## LISTED ENTRIES:
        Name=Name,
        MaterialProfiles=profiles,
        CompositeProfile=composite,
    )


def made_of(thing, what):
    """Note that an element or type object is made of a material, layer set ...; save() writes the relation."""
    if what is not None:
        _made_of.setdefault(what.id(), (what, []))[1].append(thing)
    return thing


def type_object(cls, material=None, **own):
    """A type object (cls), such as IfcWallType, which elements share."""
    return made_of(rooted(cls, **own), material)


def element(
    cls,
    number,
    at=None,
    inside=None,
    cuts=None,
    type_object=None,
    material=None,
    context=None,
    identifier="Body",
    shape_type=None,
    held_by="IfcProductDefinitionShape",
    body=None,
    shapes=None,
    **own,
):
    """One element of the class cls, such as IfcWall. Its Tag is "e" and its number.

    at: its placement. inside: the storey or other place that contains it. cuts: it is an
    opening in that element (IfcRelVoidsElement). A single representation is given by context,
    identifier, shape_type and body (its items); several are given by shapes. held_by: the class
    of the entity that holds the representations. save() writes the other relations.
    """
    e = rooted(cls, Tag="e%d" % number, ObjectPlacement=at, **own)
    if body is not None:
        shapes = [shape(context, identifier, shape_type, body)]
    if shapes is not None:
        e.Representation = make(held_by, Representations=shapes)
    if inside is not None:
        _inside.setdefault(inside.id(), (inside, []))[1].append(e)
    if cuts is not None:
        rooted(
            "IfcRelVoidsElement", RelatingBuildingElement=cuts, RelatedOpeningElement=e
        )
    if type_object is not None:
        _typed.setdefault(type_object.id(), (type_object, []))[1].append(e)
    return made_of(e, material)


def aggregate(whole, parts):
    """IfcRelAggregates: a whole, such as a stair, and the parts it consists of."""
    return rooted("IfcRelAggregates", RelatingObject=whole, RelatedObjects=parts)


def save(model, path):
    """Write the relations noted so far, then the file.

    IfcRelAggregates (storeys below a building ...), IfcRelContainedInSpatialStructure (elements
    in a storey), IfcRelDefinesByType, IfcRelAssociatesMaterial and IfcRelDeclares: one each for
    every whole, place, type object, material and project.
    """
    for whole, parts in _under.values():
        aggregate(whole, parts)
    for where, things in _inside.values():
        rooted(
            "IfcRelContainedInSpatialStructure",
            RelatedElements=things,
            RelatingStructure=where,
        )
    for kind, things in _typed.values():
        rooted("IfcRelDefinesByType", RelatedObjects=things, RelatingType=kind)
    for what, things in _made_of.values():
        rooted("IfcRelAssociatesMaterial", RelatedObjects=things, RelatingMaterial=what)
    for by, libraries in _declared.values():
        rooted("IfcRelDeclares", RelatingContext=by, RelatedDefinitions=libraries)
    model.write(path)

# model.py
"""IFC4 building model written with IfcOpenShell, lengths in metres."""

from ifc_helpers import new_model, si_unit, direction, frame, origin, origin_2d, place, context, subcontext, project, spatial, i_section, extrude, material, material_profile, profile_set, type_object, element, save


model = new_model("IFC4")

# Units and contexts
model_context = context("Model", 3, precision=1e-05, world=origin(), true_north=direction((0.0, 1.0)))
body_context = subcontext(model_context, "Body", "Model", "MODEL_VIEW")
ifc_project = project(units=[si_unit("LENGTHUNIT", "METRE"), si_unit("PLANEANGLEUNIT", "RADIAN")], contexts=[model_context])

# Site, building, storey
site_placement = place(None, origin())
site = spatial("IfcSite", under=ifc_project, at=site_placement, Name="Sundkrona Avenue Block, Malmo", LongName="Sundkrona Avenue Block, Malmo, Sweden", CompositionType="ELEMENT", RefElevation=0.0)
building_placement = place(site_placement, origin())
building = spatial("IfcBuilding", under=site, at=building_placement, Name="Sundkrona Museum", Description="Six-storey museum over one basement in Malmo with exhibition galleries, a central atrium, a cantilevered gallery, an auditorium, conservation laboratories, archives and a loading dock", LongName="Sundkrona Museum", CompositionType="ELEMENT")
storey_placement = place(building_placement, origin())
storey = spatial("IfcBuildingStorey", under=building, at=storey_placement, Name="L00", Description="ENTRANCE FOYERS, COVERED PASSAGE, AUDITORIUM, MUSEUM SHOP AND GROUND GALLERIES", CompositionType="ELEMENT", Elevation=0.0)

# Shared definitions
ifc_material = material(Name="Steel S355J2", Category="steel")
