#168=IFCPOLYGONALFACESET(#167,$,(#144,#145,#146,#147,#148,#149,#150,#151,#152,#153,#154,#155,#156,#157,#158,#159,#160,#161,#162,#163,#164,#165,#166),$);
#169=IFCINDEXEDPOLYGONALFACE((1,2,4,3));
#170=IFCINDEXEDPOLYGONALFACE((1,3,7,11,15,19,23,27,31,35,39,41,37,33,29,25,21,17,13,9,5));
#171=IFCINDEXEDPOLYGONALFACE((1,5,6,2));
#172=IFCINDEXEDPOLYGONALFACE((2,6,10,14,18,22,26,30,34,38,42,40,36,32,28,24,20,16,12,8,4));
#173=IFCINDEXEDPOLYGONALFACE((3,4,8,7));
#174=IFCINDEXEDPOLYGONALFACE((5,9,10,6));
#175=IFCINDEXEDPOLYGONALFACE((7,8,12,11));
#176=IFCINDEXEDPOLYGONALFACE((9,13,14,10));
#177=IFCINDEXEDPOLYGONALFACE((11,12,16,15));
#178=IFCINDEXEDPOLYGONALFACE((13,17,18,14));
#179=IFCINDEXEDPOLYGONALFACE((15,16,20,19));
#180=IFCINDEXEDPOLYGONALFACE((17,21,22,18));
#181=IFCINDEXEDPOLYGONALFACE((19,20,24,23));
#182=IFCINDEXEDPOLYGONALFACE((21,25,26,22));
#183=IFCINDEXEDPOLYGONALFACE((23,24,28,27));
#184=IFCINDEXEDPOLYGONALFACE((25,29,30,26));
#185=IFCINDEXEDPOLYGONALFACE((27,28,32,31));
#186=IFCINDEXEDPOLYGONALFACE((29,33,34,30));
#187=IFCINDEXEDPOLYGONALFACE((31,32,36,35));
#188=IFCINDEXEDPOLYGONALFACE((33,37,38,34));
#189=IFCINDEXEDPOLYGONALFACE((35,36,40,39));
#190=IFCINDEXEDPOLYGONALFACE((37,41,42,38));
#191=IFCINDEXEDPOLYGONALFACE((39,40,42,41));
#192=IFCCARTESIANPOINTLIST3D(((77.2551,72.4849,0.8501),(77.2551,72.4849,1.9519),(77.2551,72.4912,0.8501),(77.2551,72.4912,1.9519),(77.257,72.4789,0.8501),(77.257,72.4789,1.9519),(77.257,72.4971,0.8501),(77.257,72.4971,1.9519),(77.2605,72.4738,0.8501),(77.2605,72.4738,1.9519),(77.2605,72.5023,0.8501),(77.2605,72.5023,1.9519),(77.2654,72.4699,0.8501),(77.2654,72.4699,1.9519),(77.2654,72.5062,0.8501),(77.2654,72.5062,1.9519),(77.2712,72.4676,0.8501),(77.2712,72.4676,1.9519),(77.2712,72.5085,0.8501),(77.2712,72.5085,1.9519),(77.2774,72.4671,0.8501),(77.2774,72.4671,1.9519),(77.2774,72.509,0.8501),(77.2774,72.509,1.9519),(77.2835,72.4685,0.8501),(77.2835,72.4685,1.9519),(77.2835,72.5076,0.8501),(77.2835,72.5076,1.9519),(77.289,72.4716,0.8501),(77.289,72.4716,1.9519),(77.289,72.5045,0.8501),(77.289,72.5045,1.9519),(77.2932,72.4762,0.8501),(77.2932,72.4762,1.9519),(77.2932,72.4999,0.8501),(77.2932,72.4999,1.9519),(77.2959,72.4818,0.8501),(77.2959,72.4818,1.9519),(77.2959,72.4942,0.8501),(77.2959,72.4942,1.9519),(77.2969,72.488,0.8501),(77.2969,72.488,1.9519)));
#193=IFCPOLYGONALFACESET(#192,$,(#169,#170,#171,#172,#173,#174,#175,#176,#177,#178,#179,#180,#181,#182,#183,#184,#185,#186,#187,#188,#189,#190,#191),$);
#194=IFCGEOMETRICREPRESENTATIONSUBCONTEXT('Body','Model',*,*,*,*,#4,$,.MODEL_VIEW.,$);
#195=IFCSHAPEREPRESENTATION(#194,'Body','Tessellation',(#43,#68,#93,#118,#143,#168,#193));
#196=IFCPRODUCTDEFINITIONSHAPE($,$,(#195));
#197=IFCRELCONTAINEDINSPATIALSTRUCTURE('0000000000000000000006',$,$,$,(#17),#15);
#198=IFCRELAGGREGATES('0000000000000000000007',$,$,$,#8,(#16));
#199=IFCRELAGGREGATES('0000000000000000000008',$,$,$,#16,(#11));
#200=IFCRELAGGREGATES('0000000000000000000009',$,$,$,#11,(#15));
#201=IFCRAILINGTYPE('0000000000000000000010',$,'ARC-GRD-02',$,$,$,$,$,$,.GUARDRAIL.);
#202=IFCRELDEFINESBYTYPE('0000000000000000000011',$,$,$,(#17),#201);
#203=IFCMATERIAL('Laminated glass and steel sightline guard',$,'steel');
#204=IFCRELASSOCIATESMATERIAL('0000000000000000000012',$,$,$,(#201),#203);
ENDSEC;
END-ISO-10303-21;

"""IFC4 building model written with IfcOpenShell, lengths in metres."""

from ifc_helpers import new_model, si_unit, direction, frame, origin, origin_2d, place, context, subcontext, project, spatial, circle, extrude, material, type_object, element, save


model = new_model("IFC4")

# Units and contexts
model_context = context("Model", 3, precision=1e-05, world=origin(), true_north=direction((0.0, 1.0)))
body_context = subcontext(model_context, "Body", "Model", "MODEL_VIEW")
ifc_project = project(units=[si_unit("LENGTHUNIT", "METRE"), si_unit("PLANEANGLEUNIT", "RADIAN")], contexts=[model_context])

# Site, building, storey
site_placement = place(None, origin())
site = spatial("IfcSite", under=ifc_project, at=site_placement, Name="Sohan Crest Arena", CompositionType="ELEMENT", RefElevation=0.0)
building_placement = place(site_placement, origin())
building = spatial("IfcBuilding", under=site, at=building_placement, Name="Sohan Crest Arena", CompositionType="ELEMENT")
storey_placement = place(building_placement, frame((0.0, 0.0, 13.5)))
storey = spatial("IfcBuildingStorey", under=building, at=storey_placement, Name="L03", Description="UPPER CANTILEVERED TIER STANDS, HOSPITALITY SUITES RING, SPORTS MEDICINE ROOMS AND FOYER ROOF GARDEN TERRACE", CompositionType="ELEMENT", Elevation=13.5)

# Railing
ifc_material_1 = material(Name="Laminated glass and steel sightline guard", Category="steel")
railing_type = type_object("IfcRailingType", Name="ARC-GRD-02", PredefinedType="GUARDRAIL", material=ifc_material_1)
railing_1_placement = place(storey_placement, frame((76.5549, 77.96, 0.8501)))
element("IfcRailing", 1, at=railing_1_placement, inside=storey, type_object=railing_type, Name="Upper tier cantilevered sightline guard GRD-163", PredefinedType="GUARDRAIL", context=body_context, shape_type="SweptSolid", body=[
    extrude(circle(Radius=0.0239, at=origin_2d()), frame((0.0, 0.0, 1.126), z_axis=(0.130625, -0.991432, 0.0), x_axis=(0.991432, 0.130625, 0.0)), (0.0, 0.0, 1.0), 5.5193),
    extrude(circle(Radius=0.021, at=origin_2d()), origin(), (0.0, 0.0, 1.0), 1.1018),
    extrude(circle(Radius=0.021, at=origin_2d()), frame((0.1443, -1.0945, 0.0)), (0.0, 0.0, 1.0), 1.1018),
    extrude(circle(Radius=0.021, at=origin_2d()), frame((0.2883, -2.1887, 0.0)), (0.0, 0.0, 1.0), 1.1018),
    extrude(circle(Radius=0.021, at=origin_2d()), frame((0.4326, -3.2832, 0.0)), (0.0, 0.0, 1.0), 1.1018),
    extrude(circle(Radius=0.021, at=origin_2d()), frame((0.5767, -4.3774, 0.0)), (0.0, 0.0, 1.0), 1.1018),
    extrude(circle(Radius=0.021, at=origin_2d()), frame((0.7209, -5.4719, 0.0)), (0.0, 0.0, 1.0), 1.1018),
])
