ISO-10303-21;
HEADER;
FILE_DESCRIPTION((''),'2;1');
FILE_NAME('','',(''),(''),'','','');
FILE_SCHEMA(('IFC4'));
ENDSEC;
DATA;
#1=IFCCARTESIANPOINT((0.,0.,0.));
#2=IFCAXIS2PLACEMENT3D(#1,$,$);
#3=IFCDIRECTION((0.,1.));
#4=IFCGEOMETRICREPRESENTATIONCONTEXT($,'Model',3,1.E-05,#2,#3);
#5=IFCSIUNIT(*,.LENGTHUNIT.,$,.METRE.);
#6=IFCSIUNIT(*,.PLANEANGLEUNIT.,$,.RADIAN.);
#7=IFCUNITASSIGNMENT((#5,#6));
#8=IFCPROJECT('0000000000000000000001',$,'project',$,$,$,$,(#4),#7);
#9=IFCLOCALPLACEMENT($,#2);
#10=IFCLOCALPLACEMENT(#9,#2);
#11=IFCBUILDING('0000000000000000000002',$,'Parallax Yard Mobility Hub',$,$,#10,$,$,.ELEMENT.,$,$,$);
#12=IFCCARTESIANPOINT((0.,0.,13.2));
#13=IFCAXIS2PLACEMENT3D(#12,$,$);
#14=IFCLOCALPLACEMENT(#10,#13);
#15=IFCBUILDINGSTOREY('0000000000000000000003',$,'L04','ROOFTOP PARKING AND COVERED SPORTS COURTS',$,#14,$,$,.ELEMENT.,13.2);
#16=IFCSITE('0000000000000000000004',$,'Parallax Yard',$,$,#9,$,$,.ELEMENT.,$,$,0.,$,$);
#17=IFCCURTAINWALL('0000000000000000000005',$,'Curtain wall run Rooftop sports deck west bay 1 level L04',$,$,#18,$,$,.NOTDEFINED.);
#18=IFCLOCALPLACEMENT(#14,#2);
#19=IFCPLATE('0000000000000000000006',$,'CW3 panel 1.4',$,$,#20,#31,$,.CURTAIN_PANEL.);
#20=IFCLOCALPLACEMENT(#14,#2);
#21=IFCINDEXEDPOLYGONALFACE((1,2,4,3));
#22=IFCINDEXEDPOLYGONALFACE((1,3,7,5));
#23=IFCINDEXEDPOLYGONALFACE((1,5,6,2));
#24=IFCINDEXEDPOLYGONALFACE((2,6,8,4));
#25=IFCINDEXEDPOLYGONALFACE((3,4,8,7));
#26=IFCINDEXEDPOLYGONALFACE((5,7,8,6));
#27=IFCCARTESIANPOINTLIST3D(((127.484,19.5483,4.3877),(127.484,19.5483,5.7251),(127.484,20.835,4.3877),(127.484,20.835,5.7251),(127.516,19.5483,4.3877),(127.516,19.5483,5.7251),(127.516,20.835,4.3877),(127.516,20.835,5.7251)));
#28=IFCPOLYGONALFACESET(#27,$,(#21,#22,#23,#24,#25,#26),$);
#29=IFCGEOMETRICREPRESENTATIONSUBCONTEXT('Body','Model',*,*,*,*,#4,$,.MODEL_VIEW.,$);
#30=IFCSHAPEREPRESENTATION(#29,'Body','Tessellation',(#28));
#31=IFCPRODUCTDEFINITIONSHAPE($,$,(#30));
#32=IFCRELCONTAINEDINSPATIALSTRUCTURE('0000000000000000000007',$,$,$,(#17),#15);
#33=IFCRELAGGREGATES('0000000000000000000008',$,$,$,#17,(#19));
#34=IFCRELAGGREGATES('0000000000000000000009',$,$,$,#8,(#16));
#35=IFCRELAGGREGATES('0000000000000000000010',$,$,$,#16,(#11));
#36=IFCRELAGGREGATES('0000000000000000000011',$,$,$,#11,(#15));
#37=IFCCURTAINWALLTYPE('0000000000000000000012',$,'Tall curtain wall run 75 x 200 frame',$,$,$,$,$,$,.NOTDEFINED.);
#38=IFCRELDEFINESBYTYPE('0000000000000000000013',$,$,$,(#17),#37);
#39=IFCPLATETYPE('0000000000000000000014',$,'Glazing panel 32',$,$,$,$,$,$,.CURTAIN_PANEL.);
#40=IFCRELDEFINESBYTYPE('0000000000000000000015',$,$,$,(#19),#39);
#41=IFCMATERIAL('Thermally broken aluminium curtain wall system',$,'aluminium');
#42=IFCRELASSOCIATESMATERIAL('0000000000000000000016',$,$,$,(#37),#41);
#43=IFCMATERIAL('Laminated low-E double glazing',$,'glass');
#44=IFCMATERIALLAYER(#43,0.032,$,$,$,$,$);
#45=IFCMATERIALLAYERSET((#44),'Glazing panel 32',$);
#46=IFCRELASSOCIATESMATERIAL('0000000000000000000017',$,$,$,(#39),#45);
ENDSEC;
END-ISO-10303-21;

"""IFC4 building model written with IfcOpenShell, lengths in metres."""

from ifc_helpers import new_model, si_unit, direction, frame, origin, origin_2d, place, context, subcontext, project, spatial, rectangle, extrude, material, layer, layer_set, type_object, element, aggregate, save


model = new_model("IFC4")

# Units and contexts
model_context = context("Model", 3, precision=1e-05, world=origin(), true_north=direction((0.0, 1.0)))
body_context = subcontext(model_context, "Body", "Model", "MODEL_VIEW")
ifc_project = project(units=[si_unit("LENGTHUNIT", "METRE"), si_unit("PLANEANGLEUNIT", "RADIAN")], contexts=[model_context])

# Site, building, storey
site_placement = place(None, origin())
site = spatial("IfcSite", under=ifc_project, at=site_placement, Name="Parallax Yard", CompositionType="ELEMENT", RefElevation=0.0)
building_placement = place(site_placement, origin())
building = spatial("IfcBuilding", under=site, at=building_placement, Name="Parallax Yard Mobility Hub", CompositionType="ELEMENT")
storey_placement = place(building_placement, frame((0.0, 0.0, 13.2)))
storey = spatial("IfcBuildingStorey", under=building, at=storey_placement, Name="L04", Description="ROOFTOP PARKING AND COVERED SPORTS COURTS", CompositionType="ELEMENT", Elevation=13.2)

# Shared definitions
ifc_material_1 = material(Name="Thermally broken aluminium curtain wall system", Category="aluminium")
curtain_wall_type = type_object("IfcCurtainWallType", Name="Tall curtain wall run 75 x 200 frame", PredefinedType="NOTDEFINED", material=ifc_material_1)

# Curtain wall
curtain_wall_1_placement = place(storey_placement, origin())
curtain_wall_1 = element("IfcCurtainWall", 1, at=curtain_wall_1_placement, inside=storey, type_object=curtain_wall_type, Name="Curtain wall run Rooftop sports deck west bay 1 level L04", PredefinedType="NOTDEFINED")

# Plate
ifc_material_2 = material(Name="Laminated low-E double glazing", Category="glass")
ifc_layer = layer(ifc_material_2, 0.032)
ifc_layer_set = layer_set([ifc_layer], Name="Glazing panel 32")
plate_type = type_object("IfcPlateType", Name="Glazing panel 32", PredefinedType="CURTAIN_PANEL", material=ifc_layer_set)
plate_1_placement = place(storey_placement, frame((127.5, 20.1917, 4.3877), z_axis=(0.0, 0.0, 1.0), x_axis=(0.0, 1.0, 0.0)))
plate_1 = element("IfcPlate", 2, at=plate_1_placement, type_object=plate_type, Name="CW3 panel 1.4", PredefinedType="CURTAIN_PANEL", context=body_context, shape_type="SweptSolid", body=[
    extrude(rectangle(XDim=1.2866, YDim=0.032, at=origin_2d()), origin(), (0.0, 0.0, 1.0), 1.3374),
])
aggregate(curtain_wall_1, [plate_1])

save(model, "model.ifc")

## PROBLEM TO SOLVE:
For each line above that includes "what", make a copy.

## RESULT FOR THIS TASK:
def made_of(thing, what):
    if what is not None:
        _made_of.setdefault(what.id(), (what, []))[1].append(thing)
    for what, things in _made_of.values():
        rooted("IfcRelAssociatesMaterial", RelatedObjects=things, RelatingMaterial=what)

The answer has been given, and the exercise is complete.